>>>
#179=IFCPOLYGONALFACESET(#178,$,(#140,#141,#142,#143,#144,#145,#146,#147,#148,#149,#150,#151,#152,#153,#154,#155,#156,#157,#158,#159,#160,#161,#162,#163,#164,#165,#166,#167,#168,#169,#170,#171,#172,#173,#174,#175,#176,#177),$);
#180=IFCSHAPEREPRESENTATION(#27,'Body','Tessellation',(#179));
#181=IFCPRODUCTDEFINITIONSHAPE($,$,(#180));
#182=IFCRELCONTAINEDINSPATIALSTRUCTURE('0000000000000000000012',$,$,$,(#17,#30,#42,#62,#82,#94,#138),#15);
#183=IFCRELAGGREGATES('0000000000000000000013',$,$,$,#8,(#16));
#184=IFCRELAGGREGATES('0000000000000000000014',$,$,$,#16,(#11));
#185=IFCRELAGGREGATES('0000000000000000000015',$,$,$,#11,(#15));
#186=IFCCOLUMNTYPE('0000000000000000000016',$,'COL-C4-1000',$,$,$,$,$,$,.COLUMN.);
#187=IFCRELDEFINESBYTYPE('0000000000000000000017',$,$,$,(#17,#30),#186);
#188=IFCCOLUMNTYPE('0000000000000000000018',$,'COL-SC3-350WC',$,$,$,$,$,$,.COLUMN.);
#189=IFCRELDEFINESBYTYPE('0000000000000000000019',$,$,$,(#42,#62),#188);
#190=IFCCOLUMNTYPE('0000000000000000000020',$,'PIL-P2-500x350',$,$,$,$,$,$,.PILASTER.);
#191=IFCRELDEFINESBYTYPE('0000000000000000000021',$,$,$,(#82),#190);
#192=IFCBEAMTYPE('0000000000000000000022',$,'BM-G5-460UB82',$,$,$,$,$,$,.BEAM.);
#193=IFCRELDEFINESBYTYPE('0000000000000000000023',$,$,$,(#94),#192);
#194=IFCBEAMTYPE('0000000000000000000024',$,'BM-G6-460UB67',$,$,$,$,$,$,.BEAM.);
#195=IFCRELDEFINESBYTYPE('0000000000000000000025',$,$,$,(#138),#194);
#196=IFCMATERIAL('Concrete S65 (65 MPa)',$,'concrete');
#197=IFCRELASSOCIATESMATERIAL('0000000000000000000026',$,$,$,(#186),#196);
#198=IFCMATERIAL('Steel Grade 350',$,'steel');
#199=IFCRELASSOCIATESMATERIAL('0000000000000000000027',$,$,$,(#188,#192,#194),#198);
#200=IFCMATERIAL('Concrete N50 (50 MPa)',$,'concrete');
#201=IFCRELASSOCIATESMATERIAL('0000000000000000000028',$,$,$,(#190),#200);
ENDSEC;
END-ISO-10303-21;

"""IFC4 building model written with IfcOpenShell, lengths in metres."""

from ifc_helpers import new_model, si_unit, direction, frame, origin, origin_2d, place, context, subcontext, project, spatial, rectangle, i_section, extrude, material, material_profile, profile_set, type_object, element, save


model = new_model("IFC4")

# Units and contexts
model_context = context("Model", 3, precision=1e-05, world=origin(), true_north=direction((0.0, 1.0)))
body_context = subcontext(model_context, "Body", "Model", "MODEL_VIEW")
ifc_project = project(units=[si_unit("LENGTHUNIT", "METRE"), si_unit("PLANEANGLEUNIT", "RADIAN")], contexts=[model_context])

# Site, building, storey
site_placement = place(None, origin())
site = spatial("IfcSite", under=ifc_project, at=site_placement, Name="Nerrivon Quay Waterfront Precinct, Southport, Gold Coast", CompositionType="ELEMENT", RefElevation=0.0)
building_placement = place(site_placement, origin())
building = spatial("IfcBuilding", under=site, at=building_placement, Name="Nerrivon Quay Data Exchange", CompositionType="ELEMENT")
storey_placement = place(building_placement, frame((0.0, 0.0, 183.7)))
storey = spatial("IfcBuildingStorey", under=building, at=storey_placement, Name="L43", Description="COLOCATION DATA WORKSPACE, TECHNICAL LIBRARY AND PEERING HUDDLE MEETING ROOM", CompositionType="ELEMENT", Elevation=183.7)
<<<
TASK DESCRIPTION: Reproduce the listing above exactly as far as the line with "#180=IFCSHAPEREPRESENTATION(#27,'Body','Tessellation',(#179));", that line included.

RESPONSE TO THE TASK:
#179=IFCPOLYGONALFACESET(#178,$,(#140,#141,#142,#143,#144,#145,#146,#147,#148,#149,#150,#151,#152,#153,#154,#155,#156,#157,#158,#159,#160,#161,#162,#163,#164,#165,#166,#167,#168,#169,#170,#171,#172,#173,#174,#175,#176,#177),$);
#180=IFCSHAPEREPRESENTATION(#27,'Body','Tessellation',(#179));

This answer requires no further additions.